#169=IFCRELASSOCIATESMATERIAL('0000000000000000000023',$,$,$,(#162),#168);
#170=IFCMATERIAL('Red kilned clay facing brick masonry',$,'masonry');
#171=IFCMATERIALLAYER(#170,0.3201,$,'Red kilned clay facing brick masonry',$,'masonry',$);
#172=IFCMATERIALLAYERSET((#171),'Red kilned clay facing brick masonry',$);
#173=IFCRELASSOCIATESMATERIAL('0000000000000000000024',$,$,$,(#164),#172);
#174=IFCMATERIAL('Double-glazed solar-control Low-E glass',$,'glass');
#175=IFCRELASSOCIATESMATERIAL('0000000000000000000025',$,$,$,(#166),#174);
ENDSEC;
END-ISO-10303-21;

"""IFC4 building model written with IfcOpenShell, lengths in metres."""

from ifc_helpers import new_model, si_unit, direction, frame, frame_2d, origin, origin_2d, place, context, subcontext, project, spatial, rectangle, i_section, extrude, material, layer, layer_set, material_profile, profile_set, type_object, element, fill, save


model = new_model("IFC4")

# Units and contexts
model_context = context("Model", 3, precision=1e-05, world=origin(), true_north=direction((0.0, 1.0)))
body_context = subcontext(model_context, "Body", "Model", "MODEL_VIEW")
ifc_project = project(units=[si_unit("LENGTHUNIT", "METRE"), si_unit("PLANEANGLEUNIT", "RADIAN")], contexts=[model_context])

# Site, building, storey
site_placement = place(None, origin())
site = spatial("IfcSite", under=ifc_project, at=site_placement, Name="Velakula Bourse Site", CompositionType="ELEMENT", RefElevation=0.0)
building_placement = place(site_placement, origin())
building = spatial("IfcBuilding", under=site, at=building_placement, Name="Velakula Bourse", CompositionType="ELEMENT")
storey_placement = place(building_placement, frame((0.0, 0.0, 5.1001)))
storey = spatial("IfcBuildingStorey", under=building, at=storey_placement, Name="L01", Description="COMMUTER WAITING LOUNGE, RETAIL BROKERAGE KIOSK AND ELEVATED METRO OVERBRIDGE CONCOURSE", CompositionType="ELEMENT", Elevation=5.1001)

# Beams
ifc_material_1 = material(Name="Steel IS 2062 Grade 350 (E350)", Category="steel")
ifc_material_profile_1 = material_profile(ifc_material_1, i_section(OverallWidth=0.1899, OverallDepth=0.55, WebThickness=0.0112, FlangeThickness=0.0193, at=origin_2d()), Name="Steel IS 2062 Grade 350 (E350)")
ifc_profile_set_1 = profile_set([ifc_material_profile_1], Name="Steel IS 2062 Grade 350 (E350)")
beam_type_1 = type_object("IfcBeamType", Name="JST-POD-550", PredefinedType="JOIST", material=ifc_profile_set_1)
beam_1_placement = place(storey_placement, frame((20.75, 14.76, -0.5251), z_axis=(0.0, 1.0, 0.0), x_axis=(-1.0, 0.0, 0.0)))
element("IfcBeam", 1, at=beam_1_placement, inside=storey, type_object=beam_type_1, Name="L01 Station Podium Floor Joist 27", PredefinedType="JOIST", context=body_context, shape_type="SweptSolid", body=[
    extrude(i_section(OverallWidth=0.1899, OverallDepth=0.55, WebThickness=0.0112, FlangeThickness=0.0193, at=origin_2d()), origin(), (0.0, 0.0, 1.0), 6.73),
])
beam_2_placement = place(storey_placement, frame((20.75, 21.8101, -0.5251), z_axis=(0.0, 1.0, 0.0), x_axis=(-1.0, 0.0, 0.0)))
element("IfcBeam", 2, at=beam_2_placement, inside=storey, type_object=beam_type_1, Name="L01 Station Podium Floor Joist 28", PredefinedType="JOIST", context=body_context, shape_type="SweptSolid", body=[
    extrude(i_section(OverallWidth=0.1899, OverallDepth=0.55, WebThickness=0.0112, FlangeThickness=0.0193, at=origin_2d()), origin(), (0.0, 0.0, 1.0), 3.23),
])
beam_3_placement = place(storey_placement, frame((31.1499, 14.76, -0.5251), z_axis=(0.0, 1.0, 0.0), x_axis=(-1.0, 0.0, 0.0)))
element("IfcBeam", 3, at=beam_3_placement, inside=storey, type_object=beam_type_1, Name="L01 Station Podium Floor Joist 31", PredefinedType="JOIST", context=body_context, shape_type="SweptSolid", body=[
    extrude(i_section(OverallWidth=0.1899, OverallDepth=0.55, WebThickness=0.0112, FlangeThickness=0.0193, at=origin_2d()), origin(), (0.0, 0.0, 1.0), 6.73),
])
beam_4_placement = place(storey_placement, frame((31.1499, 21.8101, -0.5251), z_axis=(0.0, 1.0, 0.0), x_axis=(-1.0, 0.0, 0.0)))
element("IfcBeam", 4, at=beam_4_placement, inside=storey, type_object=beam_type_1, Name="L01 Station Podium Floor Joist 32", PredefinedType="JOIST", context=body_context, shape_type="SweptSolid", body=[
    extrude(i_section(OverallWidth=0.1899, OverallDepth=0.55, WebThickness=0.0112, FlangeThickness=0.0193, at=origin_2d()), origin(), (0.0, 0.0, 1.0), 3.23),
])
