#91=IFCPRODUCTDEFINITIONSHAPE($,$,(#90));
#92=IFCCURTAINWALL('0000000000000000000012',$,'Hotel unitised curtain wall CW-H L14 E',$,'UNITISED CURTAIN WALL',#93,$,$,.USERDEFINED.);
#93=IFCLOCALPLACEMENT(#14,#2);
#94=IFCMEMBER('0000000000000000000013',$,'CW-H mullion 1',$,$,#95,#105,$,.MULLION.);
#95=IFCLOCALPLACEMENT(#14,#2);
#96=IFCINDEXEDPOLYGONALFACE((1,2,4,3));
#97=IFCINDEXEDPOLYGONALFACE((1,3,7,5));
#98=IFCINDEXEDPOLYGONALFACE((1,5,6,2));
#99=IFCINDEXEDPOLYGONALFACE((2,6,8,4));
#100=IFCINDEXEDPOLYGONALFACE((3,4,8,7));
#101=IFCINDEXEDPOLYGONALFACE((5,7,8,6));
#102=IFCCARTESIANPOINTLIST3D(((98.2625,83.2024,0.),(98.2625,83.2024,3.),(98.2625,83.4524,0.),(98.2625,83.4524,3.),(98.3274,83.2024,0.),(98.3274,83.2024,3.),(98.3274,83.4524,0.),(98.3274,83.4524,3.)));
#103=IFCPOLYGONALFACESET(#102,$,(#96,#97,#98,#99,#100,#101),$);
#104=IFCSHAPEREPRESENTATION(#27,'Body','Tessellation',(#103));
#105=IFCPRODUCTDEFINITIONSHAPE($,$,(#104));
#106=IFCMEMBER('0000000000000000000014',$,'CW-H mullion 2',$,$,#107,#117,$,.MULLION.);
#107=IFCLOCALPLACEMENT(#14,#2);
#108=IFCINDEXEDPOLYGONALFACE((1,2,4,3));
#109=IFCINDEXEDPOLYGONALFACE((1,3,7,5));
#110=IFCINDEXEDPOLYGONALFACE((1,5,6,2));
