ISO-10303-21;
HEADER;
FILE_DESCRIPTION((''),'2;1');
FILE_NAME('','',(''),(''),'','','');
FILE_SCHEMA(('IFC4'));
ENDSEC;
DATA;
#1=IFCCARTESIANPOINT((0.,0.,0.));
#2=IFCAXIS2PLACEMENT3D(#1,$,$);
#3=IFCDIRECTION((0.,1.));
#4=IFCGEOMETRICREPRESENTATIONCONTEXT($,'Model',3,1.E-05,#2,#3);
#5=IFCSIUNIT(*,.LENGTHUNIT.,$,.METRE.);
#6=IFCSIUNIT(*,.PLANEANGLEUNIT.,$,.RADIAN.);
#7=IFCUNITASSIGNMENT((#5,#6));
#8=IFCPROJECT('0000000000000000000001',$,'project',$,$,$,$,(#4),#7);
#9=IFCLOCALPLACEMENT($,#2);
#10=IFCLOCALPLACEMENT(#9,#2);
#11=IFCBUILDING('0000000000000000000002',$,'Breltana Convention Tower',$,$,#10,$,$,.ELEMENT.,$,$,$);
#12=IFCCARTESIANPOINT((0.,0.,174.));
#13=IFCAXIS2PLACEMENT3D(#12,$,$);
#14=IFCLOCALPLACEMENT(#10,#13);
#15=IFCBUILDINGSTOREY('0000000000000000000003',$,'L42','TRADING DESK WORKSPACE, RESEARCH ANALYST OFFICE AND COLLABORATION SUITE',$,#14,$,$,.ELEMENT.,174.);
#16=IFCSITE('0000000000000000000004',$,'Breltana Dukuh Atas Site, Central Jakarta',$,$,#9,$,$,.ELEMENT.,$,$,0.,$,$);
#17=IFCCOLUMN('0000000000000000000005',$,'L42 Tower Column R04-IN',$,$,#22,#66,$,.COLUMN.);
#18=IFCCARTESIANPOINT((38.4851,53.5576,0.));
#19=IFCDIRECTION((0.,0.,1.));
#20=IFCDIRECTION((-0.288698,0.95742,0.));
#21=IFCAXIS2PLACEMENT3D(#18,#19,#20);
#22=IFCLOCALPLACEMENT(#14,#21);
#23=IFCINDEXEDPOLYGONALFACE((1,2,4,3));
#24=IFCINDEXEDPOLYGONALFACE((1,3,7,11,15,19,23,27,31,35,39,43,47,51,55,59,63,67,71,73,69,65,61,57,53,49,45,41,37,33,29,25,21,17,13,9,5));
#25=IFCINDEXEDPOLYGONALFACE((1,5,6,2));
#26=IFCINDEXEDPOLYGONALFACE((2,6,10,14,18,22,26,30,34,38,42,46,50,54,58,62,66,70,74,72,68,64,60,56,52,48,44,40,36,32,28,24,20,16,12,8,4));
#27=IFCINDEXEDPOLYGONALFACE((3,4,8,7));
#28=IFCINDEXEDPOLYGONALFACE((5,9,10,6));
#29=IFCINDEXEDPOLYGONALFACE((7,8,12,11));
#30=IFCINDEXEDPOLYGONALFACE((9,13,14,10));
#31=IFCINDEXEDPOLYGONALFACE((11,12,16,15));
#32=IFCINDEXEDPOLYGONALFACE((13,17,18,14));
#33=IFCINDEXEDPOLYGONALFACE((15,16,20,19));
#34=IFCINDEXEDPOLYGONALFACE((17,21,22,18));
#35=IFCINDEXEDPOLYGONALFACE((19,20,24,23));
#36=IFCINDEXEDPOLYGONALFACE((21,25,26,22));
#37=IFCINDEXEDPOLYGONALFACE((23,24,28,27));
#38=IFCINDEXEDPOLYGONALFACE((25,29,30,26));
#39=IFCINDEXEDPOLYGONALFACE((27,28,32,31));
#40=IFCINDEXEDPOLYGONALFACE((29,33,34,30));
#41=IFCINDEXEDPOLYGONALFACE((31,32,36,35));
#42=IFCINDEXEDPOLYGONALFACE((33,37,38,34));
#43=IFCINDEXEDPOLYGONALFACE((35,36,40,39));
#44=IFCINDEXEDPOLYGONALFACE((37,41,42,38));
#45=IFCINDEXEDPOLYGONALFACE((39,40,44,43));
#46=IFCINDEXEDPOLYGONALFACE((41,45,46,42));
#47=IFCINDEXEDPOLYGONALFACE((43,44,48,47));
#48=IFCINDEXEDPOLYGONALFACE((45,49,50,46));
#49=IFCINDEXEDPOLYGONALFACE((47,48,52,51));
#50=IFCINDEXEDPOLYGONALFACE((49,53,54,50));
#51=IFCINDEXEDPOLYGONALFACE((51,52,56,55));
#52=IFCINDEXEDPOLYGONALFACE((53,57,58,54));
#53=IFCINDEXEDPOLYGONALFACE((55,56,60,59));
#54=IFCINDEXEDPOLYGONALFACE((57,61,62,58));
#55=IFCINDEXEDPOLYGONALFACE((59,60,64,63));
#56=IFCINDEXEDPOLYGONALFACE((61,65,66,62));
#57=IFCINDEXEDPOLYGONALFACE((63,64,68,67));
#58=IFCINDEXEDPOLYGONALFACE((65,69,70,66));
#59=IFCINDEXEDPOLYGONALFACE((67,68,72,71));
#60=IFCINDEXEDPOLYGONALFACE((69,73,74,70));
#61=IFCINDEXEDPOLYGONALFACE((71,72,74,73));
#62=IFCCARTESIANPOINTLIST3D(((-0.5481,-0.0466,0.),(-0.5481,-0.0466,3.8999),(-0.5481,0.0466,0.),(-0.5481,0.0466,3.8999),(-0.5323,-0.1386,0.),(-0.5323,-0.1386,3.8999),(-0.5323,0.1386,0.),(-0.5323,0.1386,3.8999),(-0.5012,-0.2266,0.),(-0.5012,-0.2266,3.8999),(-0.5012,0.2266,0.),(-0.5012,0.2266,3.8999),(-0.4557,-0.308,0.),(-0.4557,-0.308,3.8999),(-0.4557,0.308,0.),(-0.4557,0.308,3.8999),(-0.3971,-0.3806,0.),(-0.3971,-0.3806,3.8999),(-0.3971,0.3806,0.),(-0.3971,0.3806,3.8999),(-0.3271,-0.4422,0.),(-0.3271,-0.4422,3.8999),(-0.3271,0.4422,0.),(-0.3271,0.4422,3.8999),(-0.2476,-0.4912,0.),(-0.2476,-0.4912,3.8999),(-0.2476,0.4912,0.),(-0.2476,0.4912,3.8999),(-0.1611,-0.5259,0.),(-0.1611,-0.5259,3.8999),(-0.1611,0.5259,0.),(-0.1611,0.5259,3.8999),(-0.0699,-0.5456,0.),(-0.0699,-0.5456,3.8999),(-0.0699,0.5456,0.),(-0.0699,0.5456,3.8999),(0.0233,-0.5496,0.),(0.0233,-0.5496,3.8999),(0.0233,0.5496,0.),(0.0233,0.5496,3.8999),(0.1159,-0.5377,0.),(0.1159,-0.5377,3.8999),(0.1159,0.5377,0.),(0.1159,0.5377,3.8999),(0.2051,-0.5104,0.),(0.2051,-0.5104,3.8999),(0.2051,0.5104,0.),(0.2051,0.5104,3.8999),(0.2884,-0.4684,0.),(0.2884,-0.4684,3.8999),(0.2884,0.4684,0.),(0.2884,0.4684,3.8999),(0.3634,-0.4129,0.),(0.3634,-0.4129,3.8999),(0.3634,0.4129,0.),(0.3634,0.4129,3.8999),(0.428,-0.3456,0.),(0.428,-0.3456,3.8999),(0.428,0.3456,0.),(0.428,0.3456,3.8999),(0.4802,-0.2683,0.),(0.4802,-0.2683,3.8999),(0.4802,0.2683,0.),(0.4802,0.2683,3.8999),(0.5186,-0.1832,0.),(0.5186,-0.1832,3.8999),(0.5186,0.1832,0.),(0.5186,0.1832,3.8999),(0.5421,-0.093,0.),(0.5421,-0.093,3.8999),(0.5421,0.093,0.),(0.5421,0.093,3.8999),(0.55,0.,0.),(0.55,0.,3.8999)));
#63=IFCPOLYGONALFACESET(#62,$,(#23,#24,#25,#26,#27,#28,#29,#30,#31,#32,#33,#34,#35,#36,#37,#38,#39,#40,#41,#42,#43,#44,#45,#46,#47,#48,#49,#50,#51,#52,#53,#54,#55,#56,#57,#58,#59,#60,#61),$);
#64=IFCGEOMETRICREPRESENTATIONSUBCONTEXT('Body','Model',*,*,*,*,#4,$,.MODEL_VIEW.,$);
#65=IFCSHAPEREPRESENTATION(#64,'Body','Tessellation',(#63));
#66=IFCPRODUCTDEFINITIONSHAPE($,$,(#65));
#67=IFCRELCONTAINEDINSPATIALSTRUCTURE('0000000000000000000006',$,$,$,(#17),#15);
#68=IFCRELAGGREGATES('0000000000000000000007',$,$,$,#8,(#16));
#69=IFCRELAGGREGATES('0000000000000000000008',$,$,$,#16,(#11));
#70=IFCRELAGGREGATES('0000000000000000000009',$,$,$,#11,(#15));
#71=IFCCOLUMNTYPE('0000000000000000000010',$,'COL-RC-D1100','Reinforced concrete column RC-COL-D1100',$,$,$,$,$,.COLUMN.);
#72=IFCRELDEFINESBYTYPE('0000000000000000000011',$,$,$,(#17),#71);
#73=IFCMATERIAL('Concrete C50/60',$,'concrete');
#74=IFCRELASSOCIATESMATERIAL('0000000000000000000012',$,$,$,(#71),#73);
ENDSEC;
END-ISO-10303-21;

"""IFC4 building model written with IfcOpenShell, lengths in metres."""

from ifc_helpers import new_model, si_unit, direction, frame, origin, origin_2d, place, context, subcontext, project, spatial, circle, extrude, source, transform, mapped, material, material_profile, profile_set, type_object, element, save


model = new_model("IFC4")

# Units and contexts
model_context = context("Model", 3, precision=1e-05, world=origin(), true_north=direction((0.0, 1.0)))
body_context = subcontext(model_context, "Body", "Model", "MODEL_VIEW")
ifc_project = project(units=[si_unit("LENGTHUNIT", "METRE"), si_unit("PLANEANGLEUNIT", "RADIAN")], contexts=[model_context])

# Site, building, storey
site_placement = place(None, origin())
site = spatial("IfcSite", under=ifc_project, at=site_placement, Name="Breltana Dukuh Atas Site, Central Jakarta", CompositionType="ELEMENT", RefElevation=0.0)
building_placement = place(site_placement, origin())
building = spatial("IfcBuilding", under=site, at=building_placement, Name="Breltana Convention Tower", CompositionType="ELEMENT")
storey_placement = place(building_placement, frame((0.0, 0.0, 174.0)))
storey = spatial("IfcBuildingStorey", under=building, at=storey_placement, Name="L42", Description="TRADING DESK WORKSPACE, RESEARCH ANALYST OFFICE AND COLLABORATION SUITE", CompositionType="ELEMENT", Elevation=174.0)

# Column
ifc_material_1 = material(Name="Concrete C50/60", Category="concrete")
ifc_material_profile_1 = material_profile(ifc_material_1, circle(Radius=0.55, at=origin_2d()), Name="RC-COL-D1100")
ifc_profile_set_1 = profile_set([ifc_material_profile_1], Name="Concrete C50/60")
column_type = type_object("IfcColumnType", Name="COL-RC-D1100", Description="Reinforced concrete column RC-COL-D1100", PredefinedType="COLUMN", material=ifc_profile_set_1)
shared_shape_1 = source(origin(), body_context, "Body", "SweptSolid", [
    extrude(circle(Radius=0.55, at=origin_2d()), origin(), (0.0, 0.0, 1.0), 3.8999),
])
for number, where, z_axis, x_axis, name in (
    (1, (38.4851, 53.5576, 0.0), (0.0, 0.0, 1.0), (-0.288698, 0.95742, 0.0), "L42 Tower Column R04-IN"),
):
    element("IfcColumn", number, at=place(storey_placement, frame(where, z_axis=z_axis, x_axis=x_axis)), inside=storey, type_object=column_type, Name=name, PredefinedType="COLUMN", context=body_context, shape_type="MappedRepresentation", body=[
        mapped(shared_shape_1, transform((0.0, 0.0, 0.0), scale=1.0)),
    ])

save(model, "model.ifc")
━━━━━━━━━━━━━━━━━━━━
== What to do ==
Scan the material above for the string "IFCSIUNIT". Copy each line that holds it.

== Solution for this exercise ==
#5=IFCSIUNIT(*,.LENGTHUNIT.,$,.METRE.);
#6=IFCSIUNIT(*,.PLANEANGLEUNIT.,$,.RADIAN.);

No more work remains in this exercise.